WORK INSTRUCTION> Collect from the data below each line with "IFCPOLYGONALFACESET".

EXTRACTED INFORMATION>
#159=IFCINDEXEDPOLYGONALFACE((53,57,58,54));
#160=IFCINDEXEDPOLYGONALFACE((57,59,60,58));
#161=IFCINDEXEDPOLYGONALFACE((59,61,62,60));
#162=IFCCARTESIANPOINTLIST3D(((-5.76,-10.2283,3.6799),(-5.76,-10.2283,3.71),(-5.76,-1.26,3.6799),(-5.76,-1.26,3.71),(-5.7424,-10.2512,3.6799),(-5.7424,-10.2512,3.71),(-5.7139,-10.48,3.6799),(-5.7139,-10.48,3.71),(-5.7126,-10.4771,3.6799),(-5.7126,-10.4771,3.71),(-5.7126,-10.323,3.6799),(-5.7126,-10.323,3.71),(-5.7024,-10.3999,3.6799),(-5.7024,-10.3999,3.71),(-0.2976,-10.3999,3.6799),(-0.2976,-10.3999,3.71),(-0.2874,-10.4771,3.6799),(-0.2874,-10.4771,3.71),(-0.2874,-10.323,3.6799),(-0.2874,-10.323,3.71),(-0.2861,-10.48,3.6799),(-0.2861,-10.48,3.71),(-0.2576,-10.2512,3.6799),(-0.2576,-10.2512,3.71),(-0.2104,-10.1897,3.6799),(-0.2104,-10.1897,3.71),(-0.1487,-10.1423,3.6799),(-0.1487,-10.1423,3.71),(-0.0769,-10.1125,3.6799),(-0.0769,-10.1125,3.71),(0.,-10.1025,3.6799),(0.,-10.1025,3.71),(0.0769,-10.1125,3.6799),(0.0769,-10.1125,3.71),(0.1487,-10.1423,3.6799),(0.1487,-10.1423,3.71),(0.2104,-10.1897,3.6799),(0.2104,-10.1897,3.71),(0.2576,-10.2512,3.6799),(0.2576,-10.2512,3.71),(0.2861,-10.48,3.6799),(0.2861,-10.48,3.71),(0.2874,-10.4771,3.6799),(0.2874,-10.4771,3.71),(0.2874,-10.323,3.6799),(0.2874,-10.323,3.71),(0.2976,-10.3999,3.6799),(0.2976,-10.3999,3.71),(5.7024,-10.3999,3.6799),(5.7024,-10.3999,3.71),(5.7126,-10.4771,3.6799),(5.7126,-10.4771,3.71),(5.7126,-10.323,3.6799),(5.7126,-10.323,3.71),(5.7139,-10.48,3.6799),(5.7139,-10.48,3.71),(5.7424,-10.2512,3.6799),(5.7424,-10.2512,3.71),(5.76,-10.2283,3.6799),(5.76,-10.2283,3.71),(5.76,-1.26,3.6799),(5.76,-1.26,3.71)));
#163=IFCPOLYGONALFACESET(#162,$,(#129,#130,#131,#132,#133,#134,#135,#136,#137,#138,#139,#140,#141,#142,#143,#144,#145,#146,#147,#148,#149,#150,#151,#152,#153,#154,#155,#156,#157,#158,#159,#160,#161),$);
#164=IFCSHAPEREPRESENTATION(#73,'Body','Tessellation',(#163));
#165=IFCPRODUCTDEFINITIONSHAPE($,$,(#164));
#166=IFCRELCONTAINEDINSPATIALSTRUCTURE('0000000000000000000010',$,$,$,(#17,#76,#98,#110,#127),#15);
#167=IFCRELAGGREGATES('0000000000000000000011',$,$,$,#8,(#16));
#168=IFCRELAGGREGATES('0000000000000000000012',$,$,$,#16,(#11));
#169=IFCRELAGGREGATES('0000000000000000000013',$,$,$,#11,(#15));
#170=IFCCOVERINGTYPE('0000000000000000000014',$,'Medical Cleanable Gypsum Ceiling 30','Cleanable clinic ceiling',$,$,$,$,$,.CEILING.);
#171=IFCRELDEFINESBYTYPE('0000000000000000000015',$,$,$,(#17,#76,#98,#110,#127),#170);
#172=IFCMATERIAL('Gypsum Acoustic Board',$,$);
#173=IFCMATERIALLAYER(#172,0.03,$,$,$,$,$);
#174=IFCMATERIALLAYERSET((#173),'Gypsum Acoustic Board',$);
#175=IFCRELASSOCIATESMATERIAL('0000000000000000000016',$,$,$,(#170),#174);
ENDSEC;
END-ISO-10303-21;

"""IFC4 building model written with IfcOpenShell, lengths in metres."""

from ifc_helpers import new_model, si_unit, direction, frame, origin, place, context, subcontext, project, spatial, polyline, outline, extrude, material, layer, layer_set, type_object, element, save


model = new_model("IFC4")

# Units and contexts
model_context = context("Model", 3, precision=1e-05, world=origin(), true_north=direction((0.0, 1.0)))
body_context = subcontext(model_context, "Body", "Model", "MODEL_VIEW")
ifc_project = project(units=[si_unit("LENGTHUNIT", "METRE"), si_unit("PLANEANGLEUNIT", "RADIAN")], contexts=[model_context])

* * *

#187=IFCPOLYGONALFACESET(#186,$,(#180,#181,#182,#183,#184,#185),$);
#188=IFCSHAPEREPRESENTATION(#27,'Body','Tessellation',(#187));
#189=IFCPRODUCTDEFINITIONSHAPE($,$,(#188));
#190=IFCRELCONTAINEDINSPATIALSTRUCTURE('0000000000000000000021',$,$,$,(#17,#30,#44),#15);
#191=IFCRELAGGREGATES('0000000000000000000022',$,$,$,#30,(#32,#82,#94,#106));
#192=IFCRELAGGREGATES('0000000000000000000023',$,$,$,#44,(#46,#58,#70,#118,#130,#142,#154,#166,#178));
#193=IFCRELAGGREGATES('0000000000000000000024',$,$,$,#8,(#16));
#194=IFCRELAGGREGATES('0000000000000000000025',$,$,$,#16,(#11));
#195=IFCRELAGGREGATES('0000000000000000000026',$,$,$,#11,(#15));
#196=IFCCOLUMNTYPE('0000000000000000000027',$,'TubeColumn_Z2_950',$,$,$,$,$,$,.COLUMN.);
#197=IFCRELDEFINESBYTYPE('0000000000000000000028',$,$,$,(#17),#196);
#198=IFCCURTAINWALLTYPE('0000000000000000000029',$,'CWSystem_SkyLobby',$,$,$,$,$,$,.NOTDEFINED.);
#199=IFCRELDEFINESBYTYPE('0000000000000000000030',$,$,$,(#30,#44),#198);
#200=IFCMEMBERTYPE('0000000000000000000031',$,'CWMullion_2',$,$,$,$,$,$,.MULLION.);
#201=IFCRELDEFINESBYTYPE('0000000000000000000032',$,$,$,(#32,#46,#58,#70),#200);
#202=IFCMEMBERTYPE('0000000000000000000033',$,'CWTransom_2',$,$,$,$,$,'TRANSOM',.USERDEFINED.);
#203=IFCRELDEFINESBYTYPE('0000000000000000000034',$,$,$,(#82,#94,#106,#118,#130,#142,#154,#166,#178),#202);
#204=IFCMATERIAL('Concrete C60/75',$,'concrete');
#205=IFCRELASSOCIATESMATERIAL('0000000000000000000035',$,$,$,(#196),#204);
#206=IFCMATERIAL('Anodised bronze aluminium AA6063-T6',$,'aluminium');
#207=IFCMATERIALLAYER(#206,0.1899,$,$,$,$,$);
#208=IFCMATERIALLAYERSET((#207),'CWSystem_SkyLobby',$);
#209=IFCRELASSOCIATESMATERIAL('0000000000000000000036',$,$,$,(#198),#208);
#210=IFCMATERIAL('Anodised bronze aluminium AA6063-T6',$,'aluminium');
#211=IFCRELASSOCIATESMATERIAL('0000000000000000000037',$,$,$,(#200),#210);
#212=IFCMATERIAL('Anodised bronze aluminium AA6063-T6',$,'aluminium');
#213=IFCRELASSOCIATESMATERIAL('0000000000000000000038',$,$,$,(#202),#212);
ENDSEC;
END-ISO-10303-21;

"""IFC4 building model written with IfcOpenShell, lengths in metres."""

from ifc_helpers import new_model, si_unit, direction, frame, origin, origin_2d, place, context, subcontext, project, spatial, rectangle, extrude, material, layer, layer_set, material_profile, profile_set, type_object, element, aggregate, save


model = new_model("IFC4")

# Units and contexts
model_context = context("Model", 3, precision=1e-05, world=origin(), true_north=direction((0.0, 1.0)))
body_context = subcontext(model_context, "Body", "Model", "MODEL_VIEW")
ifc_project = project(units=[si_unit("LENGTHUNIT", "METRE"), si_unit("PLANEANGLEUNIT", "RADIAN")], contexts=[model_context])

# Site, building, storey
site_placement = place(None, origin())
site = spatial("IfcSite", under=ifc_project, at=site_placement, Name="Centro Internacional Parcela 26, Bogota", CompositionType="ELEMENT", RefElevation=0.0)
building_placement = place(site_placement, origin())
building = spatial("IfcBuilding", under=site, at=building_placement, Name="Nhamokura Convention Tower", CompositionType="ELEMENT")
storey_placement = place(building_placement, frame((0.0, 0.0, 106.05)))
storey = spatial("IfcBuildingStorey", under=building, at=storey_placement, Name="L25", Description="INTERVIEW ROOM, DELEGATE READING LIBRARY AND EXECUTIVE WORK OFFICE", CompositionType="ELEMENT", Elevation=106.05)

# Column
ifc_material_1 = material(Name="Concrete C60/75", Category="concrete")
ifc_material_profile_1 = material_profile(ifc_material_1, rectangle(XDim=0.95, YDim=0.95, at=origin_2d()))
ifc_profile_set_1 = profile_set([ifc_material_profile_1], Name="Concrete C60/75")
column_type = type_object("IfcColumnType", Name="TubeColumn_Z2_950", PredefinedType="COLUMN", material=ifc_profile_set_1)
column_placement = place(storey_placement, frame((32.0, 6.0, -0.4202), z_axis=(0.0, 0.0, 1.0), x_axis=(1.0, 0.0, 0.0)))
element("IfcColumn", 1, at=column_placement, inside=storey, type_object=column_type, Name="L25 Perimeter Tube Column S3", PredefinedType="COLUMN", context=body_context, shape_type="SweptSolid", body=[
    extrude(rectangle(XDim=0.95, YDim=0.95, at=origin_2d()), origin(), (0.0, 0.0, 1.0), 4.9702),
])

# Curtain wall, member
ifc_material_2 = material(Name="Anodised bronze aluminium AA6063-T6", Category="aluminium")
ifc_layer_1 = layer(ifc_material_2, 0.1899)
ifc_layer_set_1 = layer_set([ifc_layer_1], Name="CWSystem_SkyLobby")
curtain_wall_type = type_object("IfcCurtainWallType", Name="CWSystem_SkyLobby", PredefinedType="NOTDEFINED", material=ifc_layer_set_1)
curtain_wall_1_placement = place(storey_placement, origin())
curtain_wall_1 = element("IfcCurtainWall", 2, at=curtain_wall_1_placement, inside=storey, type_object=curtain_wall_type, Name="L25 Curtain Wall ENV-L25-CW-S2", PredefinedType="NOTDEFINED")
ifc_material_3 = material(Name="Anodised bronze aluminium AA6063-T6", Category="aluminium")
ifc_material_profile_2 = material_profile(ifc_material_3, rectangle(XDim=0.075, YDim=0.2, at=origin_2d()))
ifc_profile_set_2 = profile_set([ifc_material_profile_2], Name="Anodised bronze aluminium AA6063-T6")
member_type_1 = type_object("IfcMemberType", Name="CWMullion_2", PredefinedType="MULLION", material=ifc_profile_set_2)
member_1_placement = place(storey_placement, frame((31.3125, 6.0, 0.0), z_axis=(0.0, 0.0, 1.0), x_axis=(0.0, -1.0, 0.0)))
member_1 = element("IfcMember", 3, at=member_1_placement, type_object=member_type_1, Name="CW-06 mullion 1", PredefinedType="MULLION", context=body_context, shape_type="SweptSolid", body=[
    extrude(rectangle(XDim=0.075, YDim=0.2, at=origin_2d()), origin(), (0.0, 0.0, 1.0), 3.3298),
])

YOUR RESPONSE>
#163=IFCPOLYGONALFACESET(#162,$,(#129,#130,#131,#132,#133,#134,#135,#136,#137,#138,#139,#140,#141,#142,#143,#144,#145,#146,#147,#148,#149,#150,#151,#152,#153,#154,#155,#156,#157,#158,#159,#160,#161),$);
#187=IFCPOLYGONALFACESET(#186,$,(#180,#181,#182,#183,#184,#185),$);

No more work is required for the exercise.